■ Task objective ■
As the answer, give a copy of each line below that includes the word "Residences".

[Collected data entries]
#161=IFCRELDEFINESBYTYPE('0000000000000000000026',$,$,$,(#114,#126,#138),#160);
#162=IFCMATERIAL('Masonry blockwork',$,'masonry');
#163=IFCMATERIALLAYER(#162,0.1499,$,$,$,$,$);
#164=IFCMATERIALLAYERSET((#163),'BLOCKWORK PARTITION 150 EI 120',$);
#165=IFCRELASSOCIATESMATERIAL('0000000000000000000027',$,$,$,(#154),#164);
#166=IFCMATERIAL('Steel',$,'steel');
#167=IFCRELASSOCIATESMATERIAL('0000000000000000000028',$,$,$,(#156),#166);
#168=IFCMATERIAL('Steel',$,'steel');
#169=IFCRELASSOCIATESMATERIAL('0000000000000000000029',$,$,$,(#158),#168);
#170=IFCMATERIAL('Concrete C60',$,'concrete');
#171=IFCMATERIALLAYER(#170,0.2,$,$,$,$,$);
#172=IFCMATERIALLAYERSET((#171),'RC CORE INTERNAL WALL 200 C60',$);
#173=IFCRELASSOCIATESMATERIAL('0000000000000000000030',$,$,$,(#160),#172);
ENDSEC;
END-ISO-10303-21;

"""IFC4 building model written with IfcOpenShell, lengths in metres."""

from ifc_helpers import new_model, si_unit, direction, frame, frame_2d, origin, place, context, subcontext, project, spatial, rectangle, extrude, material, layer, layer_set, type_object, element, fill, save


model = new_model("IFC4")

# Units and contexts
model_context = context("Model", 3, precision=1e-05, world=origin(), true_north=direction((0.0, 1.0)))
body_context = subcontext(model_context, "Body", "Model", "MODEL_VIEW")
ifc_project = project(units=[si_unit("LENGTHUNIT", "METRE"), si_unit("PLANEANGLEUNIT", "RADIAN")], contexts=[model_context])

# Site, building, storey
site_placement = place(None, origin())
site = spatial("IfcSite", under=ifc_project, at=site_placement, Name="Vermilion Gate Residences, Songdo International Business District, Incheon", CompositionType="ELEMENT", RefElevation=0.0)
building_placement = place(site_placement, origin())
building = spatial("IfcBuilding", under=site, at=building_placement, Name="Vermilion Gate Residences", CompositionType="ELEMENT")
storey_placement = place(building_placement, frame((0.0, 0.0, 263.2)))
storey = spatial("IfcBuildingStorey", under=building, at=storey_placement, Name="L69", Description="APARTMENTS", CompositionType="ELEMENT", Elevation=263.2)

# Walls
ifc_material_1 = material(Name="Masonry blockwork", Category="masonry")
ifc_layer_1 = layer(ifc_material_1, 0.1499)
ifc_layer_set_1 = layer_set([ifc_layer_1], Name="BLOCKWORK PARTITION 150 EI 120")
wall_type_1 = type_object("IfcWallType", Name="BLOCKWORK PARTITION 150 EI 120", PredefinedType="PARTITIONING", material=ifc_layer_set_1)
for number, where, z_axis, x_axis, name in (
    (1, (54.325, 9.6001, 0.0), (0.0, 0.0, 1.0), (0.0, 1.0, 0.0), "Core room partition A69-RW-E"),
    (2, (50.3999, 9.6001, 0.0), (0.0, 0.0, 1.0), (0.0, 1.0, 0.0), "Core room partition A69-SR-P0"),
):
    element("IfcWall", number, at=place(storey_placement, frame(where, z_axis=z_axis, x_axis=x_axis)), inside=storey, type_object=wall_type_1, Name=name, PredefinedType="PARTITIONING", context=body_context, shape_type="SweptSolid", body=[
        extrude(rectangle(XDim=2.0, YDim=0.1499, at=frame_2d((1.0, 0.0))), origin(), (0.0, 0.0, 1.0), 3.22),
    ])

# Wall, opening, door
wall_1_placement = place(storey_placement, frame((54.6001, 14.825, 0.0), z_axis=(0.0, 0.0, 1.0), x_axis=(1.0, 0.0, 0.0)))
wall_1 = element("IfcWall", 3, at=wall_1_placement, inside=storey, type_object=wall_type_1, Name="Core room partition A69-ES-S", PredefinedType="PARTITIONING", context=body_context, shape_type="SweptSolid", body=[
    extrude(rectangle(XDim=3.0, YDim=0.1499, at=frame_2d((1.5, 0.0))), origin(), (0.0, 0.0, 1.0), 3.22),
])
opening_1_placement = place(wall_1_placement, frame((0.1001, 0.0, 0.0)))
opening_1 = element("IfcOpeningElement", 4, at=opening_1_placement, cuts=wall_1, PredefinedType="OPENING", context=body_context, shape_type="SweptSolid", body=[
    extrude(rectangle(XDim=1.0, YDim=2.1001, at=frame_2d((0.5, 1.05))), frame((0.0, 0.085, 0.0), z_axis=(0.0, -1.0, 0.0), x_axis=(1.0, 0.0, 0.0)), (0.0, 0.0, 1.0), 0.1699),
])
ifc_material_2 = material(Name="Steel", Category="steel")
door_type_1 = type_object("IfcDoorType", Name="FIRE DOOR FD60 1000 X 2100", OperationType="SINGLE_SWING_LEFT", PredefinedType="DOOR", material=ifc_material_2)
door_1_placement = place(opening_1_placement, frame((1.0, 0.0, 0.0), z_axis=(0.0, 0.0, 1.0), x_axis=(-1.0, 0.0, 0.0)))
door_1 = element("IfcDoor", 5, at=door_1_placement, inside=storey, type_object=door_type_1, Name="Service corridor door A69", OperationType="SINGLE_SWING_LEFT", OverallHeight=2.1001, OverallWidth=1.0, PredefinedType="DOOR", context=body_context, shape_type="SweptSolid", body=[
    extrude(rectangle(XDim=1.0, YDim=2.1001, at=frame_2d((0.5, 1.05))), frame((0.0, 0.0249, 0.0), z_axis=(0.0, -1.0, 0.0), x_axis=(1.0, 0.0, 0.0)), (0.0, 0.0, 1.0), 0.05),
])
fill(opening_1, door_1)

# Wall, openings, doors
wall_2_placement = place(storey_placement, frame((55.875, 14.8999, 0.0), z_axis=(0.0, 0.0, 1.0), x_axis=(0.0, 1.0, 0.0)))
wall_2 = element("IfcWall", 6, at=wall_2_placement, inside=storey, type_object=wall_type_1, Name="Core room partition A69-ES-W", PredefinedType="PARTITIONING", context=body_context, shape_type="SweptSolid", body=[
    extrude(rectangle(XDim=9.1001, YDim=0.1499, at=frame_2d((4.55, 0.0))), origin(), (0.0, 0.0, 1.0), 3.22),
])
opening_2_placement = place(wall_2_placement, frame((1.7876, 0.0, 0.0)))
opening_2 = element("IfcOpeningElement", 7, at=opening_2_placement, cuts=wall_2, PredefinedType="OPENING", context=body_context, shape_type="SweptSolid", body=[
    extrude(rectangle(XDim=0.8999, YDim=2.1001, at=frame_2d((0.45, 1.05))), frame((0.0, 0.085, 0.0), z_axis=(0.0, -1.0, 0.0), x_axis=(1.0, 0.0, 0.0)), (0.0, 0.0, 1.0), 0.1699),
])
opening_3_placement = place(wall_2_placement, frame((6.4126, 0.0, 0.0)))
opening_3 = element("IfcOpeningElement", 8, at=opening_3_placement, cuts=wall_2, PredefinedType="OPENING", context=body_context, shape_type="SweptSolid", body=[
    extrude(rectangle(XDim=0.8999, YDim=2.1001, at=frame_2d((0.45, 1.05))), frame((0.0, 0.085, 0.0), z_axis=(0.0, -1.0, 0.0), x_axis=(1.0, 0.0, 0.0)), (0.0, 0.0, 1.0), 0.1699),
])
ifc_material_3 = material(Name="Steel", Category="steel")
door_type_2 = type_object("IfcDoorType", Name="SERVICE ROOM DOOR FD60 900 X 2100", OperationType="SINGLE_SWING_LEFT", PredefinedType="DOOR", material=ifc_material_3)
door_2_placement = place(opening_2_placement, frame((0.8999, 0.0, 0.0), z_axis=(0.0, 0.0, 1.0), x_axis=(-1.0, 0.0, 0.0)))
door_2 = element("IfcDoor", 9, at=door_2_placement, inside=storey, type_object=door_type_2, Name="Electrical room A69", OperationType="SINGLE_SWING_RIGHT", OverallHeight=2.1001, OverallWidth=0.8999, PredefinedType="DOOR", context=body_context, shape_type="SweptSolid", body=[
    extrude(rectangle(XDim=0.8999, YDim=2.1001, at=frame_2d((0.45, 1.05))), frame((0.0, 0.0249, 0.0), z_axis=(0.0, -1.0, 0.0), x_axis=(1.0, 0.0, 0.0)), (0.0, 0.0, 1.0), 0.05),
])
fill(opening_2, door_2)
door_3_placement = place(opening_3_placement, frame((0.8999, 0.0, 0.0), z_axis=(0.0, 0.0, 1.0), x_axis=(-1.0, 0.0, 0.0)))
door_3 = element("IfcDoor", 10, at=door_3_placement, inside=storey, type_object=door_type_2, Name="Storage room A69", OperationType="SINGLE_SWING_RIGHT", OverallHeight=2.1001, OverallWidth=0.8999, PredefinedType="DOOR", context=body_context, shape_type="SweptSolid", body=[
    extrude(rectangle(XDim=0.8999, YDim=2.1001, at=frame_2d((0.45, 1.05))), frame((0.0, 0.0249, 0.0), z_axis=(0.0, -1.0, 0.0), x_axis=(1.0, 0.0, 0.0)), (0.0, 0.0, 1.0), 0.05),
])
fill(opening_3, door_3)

■ Answer to the exercise ■
site = spatial("IfcSite", under=ifc_project, at=site_placement, Name="Vermilion Gate Residences, Songdo International Business District, Incheon", CompositionType="ELEMENT", RefElevation=0.0)
building = spatial("IfcBuilding", under=site, at=building_placement, Name="Vermilion Gate Residences", CompositionType="ELEMENT")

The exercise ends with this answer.